| What to do |
As the answer, set down the lines below from the one containing "#10=IFCLOCALPLACEMENT(#9,#2);" through the one containing "#14=IFCLOCALPLACEMENT(#10,#13);", exactly and inclusively, and no others.

★ ★ ★

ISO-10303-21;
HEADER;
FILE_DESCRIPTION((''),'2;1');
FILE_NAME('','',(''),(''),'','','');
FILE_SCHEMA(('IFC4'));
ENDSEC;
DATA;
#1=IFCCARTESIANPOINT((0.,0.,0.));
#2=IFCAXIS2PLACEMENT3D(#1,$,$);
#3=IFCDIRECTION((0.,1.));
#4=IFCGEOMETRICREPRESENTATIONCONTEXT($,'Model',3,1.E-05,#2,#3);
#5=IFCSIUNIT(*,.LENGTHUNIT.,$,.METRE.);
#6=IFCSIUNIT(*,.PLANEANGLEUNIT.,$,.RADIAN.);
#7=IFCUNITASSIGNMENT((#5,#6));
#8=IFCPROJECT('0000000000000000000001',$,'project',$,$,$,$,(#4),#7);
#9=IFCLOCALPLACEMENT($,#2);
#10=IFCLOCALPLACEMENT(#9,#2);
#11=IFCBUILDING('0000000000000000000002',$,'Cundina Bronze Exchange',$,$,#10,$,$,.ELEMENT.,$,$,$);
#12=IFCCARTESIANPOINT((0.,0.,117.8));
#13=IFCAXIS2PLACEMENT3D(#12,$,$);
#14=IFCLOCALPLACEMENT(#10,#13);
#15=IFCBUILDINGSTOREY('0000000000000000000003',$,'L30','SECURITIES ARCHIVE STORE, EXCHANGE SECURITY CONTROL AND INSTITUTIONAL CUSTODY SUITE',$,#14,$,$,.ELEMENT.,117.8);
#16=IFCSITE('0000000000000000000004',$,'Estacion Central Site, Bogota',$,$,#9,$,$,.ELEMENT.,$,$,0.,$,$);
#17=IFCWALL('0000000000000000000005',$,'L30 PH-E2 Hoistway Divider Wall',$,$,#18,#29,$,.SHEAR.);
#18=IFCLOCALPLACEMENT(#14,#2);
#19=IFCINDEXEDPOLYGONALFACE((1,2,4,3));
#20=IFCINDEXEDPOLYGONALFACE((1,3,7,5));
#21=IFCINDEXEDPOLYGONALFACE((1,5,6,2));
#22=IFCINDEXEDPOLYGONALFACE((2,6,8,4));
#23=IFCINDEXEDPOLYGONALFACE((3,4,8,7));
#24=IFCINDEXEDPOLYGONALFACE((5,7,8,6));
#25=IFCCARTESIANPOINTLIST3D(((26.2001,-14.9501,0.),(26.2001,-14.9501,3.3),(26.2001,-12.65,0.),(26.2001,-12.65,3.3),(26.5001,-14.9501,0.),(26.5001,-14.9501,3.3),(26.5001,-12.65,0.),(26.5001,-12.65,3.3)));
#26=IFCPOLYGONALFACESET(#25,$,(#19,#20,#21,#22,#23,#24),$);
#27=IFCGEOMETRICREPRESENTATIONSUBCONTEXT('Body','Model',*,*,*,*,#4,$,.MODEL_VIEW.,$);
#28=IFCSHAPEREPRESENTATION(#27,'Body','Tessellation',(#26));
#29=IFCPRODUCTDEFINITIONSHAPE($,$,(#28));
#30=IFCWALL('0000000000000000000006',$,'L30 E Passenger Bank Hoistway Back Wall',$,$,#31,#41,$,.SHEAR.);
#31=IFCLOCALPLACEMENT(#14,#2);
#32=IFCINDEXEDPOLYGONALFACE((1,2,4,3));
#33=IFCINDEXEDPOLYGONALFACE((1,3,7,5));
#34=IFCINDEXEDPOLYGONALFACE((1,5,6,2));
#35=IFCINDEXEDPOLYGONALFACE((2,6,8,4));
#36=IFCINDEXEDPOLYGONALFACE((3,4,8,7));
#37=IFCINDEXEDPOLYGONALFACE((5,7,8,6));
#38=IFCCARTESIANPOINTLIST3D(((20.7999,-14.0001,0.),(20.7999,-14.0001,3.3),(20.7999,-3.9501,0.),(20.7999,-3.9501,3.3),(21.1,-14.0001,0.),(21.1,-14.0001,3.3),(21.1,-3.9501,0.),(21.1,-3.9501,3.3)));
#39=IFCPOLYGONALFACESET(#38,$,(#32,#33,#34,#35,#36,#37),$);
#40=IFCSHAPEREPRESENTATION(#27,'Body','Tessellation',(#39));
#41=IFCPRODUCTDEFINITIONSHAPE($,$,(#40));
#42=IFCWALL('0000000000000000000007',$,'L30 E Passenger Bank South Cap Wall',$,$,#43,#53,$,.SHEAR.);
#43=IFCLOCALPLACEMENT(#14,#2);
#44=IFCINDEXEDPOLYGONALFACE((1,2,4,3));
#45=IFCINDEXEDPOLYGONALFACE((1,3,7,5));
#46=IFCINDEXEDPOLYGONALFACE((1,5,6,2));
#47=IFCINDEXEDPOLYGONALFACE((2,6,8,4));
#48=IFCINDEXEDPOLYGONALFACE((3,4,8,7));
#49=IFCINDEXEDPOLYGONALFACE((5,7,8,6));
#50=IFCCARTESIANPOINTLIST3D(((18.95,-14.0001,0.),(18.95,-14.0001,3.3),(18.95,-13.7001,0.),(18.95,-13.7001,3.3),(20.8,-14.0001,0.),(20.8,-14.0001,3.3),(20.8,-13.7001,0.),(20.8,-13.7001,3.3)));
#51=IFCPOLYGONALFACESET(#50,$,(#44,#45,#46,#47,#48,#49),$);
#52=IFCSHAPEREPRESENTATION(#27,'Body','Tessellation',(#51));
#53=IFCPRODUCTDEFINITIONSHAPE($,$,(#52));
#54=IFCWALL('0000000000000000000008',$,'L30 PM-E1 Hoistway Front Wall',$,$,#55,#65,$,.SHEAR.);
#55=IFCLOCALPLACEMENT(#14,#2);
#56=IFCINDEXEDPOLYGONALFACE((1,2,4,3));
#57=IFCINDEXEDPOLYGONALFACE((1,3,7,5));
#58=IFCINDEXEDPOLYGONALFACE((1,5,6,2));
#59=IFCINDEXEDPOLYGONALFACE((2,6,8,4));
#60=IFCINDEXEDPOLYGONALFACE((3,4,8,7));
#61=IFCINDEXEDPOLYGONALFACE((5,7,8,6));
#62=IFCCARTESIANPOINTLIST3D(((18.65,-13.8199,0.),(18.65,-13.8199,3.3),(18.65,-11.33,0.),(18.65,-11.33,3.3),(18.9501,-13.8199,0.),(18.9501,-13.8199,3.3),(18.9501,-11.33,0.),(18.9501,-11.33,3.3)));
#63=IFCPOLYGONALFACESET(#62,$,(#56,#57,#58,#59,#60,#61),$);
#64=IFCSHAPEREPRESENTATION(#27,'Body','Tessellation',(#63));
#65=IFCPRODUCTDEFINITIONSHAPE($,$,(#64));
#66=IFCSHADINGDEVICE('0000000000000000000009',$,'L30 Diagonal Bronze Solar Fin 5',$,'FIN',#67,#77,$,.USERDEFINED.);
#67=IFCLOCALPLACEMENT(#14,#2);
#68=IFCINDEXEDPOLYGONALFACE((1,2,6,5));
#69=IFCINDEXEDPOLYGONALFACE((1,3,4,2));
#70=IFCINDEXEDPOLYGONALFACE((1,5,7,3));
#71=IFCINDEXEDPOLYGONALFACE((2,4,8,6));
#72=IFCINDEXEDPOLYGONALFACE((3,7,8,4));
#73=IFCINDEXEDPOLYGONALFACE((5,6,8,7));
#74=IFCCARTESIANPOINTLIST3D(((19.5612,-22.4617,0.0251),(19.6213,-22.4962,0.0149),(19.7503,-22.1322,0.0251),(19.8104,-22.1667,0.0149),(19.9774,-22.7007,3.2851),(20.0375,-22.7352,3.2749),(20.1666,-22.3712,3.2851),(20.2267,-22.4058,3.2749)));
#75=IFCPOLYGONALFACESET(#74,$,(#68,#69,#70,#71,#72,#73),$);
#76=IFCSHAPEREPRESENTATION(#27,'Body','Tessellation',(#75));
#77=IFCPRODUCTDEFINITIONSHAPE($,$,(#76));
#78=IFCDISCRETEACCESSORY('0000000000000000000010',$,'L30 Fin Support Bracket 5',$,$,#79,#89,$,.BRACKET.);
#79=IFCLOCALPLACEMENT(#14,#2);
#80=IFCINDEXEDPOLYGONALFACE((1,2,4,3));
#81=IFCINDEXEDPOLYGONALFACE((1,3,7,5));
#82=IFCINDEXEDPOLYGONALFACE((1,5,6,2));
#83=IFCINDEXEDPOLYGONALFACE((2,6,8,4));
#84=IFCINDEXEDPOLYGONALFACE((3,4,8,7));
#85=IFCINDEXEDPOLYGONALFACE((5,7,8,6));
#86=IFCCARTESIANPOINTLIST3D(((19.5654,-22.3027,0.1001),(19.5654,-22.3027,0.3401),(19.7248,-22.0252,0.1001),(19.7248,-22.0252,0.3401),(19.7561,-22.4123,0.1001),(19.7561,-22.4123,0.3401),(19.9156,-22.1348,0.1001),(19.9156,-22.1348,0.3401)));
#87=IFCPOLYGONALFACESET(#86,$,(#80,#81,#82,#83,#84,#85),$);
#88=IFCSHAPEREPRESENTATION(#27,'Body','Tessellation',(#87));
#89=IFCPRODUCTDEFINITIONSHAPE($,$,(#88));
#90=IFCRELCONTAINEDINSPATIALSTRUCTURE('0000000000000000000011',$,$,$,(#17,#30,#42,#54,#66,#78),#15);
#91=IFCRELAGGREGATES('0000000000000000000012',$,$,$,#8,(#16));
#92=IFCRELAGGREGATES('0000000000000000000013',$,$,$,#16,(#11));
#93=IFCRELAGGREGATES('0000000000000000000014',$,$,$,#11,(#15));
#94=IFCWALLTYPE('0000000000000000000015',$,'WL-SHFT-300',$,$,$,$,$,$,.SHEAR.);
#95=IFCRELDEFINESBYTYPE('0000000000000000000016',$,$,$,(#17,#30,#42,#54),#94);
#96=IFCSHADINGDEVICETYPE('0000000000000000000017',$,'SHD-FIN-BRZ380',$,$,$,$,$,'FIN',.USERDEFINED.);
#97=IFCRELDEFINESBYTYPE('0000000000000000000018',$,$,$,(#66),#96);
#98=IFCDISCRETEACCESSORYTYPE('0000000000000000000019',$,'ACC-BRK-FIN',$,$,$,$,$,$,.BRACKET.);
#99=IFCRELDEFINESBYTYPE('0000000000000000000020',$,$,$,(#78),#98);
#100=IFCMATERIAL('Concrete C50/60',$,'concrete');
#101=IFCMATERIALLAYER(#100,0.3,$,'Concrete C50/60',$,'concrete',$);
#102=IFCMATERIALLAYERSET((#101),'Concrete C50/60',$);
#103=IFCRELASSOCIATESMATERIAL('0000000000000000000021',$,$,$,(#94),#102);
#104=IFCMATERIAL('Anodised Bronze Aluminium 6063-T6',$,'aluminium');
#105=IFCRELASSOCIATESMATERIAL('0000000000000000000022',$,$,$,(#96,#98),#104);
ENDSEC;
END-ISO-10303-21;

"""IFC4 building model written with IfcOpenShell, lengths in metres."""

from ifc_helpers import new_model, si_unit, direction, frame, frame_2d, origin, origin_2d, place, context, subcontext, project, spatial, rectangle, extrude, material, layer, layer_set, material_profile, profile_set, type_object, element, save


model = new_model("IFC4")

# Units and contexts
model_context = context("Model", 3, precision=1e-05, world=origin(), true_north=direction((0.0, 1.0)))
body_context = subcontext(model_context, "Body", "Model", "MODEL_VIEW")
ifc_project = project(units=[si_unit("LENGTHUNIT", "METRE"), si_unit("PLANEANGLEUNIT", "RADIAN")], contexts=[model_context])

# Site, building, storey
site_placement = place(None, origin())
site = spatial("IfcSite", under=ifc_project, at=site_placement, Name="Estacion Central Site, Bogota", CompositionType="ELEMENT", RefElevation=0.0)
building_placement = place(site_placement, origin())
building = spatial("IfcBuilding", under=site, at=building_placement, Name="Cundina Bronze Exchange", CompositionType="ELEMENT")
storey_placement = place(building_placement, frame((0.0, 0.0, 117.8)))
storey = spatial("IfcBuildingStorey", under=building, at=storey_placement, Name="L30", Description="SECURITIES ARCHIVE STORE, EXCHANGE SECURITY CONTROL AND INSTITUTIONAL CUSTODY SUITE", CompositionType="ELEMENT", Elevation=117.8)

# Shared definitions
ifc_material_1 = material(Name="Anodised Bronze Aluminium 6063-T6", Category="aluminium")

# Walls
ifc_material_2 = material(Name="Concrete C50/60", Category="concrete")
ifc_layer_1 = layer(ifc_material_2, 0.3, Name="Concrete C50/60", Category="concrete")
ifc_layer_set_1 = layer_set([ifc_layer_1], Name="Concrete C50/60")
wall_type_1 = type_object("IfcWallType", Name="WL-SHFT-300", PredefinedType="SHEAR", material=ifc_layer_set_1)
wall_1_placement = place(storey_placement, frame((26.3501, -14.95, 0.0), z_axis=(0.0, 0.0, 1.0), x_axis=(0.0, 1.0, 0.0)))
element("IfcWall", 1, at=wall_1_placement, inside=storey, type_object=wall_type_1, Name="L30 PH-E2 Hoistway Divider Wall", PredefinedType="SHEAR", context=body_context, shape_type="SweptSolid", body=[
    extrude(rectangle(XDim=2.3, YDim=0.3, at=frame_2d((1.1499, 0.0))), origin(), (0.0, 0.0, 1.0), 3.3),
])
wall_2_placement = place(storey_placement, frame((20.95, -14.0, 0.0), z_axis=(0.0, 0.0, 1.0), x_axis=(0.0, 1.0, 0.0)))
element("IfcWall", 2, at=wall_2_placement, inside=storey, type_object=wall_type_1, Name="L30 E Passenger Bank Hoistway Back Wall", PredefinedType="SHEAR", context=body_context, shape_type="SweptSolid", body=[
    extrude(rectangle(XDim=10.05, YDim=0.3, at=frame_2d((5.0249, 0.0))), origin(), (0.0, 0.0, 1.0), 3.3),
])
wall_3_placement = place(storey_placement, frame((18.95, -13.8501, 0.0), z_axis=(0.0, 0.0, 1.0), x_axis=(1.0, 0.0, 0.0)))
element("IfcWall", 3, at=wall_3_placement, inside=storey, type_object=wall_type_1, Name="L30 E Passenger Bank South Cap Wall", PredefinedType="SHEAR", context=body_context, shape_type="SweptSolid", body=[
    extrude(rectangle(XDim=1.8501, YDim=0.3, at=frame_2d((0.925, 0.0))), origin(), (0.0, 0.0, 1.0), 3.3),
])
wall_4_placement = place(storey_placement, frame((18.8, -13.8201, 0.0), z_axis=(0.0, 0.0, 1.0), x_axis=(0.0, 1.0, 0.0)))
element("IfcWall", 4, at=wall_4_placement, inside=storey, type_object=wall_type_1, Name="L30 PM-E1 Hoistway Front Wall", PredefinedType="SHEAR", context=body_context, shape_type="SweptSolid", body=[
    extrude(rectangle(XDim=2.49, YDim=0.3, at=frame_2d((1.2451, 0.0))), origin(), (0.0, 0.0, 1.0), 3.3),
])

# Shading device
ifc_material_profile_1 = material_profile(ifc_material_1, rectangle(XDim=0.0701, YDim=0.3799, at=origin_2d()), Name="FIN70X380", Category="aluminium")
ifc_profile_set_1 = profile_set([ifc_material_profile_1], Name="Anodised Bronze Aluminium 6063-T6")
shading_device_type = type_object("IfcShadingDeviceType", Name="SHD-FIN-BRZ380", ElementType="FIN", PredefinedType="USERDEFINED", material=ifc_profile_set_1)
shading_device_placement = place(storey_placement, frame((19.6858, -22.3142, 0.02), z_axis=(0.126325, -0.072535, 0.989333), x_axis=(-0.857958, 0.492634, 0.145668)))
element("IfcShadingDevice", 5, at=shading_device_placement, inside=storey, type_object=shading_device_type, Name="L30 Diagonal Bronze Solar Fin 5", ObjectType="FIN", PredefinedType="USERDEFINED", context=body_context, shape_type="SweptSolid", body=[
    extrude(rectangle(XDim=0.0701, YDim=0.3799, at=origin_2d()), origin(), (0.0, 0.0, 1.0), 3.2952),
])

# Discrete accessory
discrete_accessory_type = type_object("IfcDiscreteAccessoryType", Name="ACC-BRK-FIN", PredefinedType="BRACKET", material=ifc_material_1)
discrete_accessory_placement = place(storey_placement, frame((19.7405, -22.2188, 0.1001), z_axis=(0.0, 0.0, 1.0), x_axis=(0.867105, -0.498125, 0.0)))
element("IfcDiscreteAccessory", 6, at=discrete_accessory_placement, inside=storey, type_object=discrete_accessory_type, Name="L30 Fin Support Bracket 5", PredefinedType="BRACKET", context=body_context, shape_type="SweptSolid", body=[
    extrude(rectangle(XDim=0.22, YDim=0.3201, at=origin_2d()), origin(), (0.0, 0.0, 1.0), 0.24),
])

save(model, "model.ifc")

★ ★ ★

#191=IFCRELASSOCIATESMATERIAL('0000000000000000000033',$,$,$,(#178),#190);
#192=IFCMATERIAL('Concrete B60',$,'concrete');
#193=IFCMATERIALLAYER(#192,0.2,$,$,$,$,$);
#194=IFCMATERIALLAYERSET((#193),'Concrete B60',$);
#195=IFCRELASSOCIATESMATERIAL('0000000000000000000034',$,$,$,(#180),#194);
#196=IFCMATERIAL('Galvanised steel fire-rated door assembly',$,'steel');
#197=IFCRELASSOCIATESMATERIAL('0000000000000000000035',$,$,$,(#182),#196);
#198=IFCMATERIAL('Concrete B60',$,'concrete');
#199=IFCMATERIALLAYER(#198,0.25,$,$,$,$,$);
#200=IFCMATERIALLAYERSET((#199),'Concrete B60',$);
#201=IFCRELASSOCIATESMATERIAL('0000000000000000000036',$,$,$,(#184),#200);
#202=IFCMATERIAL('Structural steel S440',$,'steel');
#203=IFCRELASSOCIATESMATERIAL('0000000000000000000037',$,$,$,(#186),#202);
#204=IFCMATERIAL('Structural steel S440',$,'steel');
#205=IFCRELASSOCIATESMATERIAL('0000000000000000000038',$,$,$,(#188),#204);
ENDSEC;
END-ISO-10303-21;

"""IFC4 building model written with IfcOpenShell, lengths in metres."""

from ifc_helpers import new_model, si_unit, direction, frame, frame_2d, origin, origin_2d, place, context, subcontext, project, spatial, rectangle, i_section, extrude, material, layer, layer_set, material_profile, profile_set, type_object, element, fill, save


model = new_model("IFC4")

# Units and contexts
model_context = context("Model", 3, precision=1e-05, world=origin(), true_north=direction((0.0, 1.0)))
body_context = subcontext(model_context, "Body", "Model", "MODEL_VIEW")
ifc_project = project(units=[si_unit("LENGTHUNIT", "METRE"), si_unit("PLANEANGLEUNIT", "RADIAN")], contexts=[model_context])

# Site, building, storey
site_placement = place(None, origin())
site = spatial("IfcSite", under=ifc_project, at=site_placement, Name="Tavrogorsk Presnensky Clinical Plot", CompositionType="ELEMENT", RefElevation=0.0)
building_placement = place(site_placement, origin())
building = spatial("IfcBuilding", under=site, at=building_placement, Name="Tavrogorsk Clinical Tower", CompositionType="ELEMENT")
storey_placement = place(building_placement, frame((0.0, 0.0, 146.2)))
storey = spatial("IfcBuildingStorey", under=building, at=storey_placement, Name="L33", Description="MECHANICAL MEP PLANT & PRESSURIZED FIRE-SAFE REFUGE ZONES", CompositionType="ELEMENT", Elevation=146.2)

★ ★ ★

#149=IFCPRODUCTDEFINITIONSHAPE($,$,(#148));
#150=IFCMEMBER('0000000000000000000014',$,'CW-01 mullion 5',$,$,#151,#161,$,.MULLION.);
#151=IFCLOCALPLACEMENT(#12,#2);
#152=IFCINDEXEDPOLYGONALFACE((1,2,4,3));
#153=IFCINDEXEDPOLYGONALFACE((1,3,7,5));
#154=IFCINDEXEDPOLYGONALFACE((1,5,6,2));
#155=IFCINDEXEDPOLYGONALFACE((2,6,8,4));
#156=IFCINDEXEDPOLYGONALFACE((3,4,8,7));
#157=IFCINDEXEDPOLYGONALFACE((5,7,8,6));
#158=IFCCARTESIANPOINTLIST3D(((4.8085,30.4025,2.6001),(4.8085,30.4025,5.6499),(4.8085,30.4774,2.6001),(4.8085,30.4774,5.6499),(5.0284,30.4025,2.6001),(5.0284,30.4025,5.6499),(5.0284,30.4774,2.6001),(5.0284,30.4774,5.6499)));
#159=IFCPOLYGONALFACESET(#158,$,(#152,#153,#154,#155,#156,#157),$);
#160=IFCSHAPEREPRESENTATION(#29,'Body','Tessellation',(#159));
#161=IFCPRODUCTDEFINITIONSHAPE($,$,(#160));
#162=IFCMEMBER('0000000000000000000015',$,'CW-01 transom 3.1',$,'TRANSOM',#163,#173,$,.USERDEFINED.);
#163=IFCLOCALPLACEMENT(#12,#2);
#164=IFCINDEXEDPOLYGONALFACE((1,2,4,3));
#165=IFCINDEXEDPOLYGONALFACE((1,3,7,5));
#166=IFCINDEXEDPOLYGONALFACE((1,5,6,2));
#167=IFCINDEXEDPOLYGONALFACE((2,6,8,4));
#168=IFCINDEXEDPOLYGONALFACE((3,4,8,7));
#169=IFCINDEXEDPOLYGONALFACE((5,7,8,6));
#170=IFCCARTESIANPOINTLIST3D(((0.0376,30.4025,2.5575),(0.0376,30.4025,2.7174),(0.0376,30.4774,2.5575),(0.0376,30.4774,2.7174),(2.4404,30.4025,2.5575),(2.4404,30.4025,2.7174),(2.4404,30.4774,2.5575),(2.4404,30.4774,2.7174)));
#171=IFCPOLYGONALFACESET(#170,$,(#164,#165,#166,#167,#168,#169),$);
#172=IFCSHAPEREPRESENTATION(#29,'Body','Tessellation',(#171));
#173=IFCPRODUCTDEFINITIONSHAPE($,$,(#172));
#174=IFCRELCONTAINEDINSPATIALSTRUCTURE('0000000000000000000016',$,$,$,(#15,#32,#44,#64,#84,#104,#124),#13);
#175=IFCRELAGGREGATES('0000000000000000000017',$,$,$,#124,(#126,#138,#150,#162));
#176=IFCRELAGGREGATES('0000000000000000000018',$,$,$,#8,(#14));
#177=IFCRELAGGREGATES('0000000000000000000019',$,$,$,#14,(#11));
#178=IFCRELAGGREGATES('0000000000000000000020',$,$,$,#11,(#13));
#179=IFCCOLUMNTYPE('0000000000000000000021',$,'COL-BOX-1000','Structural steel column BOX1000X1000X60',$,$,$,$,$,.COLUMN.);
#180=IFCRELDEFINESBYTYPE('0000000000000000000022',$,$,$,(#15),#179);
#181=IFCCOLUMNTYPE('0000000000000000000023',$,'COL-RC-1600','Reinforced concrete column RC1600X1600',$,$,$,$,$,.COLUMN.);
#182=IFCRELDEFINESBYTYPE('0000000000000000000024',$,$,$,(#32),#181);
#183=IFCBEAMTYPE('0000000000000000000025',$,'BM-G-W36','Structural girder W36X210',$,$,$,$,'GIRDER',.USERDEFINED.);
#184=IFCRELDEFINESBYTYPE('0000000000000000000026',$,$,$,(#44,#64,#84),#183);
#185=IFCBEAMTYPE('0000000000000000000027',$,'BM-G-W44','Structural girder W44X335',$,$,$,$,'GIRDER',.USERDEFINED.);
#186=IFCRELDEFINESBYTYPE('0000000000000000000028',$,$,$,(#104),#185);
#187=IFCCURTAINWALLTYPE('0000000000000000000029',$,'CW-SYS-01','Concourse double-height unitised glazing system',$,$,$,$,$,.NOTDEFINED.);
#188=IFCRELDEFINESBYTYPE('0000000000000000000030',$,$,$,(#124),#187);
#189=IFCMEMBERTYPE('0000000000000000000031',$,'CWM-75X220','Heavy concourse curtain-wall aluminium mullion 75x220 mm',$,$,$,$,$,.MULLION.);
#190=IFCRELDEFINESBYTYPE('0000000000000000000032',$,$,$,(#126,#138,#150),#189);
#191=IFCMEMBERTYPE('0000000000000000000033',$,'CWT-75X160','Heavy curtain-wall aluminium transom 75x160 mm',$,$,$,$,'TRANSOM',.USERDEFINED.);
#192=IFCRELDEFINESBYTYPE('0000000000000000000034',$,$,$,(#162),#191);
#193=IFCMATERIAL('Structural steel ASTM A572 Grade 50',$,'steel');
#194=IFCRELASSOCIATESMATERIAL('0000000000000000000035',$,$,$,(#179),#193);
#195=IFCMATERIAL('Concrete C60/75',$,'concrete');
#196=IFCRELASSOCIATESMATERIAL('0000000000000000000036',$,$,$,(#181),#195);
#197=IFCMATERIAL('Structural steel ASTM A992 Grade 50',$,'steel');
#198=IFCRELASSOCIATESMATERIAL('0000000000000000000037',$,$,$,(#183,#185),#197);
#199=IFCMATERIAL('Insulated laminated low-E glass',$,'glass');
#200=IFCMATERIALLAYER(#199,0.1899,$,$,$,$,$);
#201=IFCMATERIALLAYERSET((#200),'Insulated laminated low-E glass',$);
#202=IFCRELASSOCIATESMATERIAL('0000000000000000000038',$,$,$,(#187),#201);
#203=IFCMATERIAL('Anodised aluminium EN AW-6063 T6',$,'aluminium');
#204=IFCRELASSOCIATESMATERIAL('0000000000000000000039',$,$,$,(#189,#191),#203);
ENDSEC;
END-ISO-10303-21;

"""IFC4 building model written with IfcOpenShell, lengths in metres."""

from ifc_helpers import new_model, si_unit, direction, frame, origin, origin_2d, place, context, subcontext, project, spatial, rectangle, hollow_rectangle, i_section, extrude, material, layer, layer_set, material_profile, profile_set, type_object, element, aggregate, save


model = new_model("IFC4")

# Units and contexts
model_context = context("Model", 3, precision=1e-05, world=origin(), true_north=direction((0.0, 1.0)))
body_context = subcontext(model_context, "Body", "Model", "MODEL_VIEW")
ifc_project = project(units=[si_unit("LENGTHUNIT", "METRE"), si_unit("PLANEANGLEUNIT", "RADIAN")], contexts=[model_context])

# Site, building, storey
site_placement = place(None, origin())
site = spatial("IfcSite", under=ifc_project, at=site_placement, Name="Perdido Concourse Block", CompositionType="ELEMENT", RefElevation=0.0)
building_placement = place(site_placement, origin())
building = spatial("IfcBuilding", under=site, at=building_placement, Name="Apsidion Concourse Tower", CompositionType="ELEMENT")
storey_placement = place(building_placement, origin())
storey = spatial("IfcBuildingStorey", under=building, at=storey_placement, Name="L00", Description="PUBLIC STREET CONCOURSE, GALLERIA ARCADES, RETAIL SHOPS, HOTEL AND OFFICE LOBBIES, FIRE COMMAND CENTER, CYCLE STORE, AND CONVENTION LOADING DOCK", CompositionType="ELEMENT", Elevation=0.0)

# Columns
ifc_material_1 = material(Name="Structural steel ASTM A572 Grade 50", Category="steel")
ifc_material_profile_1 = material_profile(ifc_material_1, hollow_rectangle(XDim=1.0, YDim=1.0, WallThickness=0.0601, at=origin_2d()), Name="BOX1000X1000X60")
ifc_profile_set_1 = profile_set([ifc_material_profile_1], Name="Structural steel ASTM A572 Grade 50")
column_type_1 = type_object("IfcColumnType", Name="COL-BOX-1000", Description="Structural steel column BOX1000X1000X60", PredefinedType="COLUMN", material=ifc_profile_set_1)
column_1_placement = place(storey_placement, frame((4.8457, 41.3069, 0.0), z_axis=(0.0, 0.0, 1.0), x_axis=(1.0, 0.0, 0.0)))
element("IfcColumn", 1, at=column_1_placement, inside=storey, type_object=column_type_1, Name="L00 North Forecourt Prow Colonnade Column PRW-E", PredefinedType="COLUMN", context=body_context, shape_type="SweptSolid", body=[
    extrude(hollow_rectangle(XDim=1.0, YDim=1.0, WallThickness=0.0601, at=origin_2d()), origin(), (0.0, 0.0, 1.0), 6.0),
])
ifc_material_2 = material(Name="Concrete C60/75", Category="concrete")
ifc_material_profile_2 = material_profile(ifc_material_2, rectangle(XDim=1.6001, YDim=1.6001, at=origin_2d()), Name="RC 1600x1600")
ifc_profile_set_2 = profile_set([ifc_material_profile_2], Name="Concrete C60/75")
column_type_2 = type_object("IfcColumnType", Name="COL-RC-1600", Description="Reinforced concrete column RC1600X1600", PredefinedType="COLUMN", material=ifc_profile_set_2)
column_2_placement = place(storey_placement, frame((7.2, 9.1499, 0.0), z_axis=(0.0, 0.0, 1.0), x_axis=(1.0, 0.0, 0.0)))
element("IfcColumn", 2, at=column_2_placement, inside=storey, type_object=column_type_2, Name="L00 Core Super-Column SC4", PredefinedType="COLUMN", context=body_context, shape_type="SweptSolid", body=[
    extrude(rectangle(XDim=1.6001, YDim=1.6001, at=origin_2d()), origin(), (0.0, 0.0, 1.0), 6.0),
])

★ ★ ★

| Result of the task |
#10=IFCLOCALPLACEMENT(#9,#2);
#11=IFCBUILDING('0000000000000000000002',$,'Cundina Bronze Exchange',$,$,#10,$,$,.ELEMENT.,$,$,$);
#12=IFCCARTESIANPOINT((0.,0.,117.8));
#13=IFCAXIS2PLACEMENT3D(#12,$,$);
#14=IFCLOCALPLACEMENT(#10,#13);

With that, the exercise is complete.